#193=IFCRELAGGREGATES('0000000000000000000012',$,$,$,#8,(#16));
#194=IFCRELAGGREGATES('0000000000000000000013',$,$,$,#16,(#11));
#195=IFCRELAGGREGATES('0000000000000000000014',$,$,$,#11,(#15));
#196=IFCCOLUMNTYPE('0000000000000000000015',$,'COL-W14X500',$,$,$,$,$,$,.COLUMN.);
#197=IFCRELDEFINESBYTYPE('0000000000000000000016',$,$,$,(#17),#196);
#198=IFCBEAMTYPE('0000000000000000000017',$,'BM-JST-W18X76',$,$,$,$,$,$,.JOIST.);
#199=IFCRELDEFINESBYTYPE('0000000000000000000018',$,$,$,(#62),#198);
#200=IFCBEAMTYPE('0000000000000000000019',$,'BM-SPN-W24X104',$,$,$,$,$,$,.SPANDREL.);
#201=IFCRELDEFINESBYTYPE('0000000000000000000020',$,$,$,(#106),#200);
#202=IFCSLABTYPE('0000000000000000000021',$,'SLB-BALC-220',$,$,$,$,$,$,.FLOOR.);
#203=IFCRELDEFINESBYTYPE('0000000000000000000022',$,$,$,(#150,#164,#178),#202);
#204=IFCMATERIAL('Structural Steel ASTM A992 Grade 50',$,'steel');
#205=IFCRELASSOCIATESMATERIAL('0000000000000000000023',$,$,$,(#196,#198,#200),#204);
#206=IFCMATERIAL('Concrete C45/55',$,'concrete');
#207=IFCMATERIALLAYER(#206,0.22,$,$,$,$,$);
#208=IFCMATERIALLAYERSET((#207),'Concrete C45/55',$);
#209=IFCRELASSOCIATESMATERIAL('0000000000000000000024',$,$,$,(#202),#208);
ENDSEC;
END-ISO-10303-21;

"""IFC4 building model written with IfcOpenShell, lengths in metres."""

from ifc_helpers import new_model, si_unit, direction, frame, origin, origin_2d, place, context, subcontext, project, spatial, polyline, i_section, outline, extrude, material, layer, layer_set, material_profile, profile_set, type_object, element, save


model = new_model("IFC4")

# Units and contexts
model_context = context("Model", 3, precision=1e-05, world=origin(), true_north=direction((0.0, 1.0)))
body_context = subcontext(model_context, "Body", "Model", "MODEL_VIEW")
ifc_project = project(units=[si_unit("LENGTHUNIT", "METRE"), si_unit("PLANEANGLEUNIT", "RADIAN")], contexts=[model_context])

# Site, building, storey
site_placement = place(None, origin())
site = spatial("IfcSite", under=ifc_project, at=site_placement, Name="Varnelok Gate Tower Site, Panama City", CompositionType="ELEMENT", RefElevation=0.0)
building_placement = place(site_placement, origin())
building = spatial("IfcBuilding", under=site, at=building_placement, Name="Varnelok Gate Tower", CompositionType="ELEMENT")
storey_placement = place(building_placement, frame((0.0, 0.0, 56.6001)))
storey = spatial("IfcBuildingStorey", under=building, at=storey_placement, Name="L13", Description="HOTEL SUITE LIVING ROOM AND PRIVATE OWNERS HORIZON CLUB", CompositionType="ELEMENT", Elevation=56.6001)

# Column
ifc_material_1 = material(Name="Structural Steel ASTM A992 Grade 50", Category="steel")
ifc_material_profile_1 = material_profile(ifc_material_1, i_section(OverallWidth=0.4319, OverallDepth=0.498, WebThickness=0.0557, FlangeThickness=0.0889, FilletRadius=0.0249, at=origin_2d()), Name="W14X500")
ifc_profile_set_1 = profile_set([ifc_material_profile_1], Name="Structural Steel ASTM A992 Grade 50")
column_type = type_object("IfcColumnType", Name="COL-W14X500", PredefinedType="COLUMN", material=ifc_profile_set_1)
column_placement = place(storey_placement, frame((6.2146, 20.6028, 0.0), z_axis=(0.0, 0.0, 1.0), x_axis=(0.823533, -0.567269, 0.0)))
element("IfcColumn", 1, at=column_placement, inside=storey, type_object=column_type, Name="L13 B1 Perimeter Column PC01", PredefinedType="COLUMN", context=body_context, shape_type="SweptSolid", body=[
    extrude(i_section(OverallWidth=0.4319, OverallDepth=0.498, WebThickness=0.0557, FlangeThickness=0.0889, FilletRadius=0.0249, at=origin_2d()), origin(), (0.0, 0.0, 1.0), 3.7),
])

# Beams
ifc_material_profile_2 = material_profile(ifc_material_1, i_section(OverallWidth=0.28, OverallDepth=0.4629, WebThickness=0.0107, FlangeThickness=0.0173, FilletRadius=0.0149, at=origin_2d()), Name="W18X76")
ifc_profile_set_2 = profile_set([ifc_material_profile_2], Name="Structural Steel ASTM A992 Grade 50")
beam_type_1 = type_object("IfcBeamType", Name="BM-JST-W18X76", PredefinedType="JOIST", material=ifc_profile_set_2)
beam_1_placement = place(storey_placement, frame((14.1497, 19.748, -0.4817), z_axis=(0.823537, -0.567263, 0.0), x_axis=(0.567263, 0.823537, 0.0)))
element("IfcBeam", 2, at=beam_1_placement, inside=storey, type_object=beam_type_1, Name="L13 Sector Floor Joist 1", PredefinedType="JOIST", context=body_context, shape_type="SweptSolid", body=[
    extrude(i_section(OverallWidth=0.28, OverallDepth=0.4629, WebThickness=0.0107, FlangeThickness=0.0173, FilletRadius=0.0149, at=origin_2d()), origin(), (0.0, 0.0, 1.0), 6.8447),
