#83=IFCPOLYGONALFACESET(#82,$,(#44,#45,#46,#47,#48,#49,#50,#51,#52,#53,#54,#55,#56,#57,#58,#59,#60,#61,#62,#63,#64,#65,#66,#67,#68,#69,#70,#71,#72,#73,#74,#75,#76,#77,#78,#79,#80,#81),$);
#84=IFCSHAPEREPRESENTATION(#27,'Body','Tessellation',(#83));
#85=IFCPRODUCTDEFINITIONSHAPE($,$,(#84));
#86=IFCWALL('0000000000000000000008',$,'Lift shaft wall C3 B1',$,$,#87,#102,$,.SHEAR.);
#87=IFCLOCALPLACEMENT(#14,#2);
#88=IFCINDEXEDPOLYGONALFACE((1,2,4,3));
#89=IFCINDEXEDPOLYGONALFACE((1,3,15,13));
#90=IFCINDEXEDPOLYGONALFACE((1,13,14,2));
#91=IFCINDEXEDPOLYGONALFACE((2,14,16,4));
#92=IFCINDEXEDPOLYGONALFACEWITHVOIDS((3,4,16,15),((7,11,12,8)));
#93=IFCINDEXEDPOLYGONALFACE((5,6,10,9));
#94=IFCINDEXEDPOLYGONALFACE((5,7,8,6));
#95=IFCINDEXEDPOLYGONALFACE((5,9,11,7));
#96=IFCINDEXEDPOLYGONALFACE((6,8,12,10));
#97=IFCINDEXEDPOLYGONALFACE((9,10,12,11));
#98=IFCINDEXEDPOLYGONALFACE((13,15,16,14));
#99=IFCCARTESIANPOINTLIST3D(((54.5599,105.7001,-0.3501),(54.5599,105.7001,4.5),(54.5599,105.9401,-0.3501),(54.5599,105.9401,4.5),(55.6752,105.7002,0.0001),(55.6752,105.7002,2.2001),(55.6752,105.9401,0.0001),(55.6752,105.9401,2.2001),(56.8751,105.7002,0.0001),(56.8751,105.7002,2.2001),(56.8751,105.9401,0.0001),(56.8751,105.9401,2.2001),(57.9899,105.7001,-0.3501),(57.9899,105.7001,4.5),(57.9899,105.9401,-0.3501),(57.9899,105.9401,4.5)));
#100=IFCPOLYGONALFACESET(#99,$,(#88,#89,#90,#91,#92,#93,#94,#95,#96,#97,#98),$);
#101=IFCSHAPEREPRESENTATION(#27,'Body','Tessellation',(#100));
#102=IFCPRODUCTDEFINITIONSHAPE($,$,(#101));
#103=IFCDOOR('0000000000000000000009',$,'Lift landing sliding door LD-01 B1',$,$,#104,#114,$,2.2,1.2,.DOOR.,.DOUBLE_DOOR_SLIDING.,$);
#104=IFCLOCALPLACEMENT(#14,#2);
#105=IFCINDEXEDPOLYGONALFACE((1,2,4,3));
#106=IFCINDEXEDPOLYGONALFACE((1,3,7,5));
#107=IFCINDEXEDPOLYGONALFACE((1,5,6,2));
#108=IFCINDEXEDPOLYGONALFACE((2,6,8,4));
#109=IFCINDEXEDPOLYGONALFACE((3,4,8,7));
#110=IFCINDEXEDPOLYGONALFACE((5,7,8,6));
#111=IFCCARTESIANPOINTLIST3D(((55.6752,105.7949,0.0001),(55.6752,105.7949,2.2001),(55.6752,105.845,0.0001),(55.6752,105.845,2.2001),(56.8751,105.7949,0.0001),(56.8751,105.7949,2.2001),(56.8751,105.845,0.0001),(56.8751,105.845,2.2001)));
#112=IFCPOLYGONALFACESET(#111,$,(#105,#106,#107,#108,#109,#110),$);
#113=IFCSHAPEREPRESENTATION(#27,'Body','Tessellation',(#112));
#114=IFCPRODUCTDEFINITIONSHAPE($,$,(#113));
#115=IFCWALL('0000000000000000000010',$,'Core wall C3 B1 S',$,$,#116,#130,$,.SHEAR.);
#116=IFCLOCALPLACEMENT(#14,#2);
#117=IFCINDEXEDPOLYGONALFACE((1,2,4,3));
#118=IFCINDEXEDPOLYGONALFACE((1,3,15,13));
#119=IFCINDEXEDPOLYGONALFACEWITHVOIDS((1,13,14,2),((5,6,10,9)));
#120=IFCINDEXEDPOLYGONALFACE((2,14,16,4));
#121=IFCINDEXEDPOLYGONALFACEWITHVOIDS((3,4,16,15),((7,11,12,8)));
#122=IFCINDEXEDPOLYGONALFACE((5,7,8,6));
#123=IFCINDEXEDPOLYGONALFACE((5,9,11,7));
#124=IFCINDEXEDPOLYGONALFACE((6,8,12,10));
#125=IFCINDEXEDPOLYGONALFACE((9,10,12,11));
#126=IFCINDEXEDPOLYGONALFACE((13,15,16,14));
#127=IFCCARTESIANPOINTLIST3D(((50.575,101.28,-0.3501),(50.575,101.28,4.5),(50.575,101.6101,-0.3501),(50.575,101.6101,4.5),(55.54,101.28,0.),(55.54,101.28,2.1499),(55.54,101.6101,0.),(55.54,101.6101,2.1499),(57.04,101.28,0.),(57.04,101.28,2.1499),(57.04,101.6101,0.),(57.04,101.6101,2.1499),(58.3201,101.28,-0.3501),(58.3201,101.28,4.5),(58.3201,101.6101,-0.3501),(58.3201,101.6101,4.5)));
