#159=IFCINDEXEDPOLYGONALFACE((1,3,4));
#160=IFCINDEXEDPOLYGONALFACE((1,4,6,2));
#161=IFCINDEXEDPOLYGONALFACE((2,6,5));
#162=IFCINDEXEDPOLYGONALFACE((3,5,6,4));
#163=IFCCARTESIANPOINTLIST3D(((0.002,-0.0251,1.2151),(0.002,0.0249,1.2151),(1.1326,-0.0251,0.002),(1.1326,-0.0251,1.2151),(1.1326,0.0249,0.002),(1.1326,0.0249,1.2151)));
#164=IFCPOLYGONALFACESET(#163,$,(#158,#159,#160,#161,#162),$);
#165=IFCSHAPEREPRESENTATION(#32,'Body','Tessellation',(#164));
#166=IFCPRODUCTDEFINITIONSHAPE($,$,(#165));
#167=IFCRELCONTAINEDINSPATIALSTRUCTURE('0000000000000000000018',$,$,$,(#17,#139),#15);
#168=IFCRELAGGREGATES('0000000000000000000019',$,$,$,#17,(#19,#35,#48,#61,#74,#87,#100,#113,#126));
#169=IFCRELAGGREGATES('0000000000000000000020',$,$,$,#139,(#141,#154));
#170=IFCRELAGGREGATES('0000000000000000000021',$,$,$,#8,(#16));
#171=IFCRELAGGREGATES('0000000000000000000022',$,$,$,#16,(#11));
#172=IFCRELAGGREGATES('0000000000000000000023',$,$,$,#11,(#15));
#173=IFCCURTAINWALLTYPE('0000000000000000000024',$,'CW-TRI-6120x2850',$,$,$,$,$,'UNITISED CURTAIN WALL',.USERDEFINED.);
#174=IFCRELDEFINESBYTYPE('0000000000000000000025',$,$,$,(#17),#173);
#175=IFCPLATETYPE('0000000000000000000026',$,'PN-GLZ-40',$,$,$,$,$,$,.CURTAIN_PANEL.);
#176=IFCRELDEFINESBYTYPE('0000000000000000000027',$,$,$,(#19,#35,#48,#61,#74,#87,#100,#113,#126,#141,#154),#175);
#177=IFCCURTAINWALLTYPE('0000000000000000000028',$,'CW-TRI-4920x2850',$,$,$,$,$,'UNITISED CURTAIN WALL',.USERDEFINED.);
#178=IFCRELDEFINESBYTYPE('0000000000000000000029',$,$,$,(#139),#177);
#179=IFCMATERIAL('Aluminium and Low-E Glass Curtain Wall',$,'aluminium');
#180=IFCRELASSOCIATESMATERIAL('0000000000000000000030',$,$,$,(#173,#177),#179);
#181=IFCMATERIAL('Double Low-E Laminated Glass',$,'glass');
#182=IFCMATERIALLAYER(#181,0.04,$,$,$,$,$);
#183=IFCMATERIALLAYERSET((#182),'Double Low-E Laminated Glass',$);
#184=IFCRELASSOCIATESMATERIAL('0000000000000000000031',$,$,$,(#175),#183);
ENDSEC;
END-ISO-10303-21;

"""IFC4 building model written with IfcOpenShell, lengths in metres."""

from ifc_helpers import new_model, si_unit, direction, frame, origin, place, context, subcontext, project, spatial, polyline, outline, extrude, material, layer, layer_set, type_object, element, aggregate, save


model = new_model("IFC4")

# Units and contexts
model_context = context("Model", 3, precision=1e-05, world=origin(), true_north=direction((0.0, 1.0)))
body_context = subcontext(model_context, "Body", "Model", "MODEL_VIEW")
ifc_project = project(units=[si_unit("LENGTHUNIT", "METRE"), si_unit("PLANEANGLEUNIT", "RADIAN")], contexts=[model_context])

*The task*
Look over the listing. Pull out every line with the string "OverallDepth" in it.

*Finished exercise*
ifc_material_profile_1 = material_profile(ifc_material_1, i_section(OverallWidth=0.4319, OverallDepth=0.498, WebThickness=0.0557, FlangeThickness=0.0889, FilletRadius=0.0249, at=origin_2d()), Name="W14X500")
    extrude(i_section(OverallWidth=0.4319, OverallDepth=0.498, WebThickness=0.0557, FlangeThickness=0.0889, FilletRadius=0.0249, at=origin_2d()), origin(), (0.0, 0.0, 1.0), 3.7),
ifc_material_profile_2 = material_profile(ifc_material_1, i_section(OverallWidth=0.28, OverallDepth=0.4629, WebThickness=0.0107, FlangeThickness=0.0173, FilletRadius=0.0149, at=origin_2d()), Name="W18X76")
    extrude(i_section(OverallWidth=0.28, OverallDepth=0.4629, WebThickness=0.0107, FlangeThickness=0.0173, FilletRadius=0.0149, at=origin_2d()), origin(), (0.0, 0.0, 1.0), 6.8447),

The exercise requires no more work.